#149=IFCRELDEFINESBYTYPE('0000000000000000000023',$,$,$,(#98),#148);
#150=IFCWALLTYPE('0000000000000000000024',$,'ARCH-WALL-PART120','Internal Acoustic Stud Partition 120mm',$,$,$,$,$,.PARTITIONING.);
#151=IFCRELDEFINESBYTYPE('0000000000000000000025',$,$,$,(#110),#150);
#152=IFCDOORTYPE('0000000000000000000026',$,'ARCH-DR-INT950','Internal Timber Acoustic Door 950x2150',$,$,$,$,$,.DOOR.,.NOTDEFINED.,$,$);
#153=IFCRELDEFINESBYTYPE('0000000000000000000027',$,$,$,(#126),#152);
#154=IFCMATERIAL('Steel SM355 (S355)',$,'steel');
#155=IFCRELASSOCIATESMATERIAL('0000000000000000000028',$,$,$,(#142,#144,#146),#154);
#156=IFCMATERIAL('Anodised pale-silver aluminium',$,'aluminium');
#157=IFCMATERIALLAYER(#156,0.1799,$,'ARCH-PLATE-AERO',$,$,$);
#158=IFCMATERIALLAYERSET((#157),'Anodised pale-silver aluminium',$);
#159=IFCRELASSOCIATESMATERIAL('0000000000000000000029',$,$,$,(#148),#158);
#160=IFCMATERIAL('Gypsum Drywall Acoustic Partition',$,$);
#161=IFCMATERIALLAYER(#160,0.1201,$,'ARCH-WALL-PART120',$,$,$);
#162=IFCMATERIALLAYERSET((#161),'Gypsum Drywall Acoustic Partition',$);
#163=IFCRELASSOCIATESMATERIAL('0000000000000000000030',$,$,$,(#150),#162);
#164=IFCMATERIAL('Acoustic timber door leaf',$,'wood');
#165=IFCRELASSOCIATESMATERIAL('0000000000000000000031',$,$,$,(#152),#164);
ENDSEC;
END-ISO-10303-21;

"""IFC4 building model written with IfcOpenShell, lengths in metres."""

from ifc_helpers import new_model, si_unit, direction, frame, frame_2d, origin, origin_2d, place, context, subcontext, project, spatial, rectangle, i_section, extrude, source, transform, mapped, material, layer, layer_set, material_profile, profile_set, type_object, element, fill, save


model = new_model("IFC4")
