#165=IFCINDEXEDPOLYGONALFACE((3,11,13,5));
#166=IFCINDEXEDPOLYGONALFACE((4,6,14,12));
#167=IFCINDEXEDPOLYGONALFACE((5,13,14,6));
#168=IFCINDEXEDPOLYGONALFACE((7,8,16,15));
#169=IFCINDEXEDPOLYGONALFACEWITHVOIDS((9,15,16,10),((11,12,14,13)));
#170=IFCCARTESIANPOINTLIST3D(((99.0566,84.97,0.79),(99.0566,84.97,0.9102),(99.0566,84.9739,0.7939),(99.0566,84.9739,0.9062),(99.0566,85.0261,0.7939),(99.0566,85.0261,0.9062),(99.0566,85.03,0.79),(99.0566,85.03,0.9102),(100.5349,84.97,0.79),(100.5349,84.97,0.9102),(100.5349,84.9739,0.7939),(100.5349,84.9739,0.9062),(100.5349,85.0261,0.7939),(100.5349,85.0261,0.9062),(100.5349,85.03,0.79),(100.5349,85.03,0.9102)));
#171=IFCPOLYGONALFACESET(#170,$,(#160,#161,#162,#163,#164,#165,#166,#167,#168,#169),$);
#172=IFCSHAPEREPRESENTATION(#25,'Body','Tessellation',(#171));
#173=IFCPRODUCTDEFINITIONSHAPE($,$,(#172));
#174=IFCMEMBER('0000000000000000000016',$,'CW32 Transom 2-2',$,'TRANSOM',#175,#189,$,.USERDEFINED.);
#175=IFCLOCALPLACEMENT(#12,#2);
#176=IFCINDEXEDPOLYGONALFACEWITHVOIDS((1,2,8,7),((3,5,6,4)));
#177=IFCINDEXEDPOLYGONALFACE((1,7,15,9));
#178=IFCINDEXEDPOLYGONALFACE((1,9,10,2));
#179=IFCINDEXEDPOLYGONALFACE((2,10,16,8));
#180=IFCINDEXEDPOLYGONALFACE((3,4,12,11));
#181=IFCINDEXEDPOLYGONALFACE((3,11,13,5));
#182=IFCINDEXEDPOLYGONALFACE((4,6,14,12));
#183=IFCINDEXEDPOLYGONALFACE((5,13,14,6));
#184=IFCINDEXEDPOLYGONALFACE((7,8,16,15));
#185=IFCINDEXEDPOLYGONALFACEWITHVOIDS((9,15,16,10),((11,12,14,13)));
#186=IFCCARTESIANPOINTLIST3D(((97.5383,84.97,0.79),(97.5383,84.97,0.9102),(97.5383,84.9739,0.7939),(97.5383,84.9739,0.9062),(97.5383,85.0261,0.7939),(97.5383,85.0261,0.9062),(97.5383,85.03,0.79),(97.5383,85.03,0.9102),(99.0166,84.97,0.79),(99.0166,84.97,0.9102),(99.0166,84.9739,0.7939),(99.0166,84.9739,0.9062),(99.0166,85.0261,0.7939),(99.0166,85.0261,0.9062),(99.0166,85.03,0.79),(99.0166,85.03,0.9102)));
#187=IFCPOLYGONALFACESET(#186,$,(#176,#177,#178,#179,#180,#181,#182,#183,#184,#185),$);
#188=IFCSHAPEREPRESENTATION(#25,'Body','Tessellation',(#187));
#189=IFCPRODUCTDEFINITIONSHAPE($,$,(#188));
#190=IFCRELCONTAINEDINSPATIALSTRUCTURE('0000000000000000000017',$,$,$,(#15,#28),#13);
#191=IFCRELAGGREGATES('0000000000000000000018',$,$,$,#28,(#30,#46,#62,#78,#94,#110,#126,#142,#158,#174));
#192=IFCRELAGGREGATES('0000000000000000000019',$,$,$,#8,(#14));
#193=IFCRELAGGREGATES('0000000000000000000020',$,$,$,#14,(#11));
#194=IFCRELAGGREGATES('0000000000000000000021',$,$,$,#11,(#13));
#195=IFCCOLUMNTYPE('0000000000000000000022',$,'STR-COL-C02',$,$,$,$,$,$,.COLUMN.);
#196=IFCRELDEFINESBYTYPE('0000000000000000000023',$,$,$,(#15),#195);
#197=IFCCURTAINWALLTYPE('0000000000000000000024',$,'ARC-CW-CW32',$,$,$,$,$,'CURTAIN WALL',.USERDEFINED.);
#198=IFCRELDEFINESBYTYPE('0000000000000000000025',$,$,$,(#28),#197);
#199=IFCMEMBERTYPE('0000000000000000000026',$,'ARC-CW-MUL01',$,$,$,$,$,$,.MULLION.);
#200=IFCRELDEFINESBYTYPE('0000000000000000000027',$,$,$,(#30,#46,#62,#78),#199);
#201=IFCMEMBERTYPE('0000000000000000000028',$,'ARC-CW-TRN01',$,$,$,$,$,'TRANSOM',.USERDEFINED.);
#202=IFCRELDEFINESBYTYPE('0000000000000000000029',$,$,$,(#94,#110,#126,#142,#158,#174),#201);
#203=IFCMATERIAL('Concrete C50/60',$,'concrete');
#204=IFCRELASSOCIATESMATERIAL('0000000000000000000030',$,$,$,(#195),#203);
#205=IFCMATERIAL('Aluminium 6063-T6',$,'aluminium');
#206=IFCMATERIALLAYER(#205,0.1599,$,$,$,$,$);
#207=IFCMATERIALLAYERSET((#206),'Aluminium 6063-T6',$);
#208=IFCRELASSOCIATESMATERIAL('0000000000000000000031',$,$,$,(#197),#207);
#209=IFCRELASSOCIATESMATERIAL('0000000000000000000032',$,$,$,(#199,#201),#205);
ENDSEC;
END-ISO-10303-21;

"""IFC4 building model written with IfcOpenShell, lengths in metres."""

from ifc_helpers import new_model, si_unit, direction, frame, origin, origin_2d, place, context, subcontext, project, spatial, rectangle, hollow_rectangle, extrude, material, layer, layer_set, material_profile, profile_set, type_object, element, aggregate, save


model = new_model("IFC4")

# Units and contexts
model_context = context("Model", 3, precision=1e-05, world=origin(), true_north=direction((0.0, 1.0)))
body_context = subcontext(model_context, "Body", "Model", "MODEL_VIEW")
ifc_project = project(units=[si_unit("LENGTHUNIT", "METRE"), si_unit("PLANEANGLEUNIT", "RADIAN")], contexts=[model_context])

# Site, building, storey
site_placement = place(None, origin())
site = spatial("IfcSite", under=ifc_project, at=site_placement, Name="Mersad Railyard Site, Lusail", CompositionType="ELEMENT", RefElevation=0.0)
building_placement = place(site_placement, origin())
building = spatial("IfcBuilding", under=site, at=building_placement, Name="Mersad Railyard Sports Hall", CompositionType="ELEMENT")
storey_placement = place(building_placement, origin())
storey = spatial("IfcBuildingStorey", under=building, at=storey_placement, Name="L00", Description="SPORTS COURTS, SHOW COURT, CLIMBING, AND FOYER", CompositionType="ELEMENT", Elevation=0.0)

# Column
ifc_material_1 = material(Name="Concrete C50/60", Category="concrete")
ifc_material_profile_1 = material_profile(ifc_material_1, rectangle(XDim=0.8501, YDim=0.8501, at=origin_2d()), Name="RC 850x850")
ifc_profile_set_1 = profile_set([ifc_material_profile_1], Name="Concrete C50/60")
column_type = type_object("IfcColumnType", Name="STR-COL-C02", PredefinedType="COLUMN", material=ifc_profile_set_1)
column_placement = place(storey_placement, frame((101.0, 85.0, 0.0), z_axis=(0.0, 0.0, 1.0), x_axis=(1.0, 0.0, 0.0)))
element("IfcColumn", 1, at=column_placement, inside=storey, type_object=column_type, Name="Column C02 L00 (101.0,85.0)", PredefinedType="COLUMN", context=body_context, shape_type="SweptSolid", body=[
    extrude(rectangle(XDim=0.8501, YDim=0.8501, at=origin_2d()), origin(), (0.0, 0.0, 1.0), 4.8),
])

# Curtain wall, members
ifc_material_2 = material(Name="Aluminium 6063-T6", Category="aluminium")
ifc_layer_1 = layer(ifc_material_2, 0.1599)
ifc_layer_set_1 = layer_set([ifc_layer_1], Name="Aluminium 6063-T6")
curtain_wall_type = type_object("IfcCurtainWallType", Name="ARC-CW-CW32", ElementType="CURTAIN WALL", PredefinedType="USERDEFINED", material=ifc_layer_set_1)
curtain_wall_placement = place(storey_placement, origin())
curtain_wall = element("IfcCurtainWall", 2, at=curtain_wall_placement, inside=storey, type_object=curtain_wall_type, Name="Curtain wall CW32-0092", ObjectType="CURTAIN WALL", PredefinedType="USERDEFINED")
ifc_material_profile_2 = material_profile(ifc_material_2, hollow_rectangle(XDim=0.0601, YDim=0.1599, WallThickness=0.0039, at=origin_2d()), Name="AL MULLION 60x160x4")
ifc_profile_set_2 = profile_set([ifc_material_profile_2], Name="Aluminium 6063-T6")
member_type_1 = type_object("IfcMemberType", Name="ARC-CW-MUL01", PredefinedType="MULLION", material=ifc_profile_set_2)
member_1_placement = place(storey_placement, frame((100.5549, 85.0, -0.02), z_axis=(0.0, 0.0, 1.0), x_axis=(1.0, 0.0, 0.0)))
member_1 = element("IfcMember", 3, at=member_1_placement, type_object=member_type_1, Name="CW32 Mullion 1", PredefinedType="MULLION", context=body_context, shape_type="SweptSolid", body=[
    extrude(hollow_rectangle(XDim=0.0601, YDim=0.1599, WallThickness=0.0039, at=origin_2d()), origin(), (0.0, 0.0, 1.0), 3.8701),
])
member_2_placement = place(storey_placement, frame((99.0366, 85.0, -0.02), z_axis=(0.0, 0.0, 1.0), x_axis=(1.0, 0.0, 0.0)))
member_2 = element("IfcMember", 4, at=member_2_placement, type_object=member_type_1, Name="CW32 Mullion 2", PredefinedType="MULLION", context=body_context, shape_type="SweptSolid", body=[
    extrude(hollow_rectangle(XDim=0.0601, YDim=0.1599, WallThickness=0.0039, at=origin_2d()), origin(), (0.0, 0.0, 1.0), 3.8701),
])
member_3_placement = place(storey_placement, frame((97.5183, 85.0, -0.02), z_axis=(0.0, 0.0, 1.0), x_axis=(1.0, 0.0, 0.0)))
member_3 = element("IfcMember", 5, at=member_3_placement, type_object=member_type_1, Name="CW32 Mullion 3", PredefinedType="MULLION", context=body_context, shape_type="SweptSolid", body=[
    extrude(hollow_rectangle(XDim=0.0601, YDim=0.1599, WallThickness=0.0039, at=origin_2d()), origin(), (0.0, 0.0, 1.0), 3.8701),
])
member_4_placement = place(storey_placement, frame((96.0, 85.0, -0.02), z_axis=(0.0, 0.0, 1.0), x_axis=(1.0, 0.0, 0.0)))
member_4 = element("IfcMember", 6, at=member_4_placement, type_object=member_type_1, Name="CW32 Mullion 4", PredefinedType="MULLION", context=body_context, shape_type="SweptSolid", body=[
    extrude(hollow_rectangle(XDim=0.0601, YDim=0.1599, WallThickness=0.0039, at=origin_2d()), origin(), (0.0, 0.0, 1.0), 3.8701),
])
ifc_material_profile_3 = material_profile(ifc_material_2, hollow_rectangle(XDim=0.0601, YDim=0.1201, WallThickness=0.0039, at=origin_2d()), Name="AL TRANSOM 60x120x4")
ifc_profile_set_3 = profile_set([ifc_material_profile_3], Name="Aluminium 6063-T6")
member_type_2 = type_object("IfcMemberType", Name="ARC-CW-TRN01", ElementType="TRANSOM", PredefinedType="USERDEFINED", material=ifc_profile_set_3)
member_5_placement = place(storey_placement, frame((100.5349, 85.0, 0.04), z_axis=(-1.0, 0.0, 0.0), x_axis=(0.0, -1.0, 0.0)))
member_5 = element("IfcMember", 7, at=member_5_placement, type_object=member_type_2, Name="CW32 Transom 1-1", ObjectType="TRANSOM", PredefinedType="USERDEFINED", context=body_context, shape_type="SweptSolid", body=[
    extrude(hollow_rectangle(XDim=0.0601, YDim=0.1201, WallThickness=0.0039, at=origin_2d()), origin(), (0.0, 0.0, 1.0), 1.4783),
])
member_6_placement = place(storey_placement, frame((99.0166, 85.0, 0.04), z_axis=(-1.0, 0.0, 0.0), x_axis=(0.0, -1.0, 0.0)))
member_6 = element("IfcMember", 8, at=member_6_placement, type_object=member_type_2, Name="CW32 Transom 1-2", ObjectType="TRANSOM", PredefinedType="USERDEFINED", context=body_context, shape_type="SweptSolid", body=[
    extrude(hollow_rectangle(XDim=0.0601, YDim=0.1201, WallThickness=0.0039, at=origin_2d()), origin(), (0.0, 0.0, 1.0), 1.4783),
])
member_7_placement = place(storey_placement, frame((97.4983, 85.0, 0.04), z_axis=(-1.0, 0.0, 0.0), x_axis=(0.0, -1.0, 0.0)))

--

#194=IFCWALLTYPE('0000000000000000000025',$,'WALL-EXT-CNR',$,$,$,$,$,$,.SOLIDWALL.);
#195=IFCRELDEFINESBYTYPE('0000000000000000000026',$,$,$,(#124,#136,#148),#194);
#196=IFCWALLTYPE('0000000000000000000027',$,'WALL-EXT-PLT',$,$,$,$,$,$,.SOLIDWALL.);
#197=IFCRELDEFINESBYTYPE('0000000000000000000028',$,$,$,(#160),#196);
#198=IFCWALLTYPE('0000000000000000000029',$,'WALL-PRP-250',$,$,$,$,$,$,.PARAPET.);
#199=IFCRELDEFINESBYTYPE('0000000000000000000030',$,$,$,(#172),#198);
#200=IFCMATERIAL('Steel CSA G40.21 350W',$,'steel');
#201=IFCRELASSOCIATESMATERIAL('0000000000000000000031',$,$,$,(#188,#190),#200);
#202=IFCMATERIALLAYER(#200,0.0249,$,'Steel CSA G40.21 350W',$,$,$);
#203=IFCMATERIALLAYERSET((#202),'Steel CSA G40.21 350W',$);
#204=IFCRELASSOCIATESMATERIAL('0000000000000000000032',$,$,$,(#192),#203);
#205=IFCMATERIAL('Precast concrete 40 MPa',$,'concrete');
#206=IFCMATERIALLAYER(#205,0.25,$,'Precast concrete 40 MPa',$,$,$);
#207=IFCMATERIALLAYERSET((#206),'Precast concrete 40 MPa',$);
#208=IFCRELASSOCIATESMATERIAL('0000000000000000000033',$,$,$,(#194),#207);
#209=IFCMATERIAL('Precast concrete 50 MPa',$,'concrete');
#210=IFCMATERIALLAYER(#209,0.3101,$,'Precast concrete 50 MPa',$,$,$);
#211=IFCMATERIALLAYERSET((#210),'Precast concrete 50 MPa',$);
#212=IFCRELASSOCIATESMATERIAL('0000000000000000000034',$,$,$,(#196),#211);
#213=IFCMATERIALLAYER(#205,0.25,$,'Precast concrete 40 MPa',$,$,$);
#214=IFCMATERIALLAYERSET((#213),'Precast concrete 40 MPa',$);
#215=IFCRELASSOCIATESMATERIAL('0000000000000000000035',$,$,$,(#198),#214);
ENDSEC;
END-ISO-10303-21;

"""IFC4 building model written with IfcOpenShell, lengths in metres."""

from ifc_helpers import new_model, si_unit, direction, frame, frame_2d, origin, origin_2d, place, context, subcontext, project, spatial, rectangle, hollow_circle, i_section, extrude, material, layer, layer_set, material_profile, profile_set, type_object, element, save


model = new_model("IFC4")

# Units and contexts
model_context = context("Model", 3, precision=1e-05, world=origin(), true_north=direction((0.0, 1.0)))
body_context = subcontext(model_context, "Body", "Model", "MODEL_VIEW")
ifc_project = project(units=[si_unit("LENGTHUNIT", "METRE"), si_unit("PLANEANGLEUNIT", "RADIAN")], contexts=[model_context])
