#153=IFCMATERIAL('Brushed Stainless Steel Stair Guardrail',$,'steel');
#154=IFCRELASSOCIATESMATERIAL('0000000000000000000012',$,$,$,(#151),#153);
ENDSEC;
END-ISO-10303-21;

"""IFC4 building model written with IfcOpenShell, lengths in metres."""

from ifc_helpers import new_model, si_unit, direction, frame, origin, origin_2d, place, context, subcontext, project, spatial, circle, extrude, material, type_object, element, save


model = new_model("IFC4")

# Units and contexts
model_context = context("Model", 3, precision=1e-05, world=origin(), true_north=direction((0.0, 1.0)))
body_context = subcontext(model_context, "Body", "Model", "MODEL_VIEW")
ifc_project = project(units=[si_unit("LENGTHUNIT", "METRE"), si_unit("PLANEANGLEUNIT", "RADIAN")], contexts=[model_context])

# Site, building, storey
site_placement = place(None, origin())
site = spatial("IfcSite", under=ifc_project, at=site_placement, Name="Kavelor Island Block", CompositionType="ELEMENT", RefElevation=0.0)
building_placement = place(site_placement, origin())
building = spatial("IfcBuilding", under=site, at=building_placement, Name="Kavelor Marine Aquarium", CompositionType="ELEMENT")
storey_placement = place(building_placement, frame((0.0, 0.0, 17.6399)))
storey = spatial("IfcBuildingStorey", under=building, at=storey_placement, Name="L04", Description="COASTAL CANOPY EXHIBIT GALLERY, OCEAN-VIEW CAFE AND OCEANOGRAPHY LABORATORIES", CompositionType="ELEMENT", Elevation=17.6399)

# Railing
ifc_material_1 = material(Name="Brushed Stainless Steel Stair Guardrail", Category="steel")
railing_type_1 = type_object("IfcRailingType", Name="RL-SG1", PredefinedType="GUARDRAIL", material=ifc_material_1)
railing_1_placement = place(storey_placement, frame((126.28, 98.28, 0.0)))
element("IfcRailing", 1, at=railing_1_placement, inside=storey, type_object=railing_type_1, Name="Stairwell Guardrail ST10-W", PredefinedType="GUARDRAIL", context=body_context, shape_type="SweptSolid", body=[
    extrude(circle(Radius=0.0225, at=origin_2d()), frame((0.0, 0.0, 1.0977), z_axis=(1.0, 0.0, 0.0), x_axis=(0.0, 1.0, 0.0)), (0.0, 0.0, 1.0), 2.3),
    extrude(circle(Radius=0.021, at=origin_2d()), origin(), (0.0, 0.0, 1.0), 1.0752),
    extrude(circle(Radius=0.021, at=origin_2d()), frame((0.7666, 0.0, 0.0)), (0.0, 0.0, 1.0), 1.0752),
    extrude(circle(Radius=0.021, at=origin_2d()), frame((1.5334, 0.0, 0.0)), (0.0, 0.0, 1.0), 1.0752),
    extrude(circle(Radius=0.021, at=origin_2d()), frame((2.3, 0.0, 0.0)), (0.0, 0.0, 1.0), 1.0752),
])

==

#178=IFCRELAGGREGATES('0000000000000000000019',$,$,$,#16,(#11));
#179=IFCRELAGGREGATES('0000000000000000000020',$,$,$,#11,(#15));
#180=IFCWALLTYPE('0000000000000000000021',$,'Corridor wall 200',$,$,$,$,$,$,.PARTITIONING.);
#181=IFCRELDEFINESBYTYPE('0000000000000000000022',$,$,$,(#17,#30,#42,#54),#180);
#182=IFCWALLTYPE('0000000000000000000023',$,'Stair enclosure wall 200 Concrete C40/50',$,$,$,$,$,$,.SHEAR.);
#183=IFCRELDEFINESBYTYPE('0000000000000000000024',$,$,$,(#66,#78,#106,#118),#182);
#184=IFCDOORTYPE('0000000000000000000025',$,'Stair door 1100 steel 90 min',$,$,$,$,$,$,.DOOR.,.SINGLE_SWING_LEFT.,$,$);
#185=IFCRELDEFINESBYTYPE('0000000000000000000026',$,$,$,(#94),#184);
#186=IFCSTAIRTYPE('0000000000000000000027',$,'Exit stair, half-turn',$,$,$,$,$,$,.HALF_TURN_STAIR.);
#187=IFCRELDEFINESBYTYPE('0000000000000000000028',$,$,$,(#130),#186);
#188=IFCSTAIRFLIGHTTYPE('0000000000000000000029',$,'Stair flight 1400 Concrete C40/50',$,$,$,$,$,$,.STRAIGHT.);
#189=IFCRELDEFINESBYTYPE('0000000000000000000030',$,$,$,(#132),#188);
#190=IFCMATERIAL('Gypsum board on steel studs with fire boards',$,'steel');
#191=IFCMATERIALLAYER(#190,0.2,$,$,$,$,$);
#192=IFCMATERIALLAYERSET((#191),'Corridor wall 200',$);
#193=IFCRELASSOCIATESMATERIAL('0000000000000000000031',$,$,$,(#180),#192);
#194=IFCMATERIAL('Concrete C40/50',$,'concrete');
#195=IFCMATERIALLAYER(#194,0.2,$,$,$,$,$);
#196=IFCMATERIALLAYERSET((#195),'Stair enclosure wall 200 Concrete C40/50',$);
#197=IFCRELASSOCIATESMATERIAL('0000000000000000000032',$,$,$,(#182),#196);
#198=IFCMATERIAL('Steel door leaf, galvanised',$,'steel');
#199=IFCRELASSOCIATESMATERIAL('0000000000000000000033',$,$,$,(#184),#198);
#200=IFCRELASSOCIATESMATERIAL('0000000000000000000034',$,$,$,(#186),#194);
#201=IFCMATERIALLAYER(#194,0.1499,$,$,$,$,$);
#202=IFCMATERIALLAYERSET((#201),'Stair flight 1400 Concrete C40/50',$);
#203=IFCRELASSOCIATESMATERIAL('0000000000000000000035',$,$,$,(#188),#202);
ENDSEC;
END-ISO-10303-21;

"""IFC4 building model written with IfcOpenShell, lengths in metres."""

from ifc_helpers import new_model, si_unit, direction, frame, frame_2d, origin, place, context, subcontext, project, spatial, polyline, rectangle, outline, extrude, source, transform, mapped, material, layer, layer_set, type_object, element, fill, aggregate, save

● **Task requirements**
Say how many of the lines above include the string "IFCINDEXEDPOLYGONALFACEWITHVOIDS", and give no other words.

● **Task solution**
3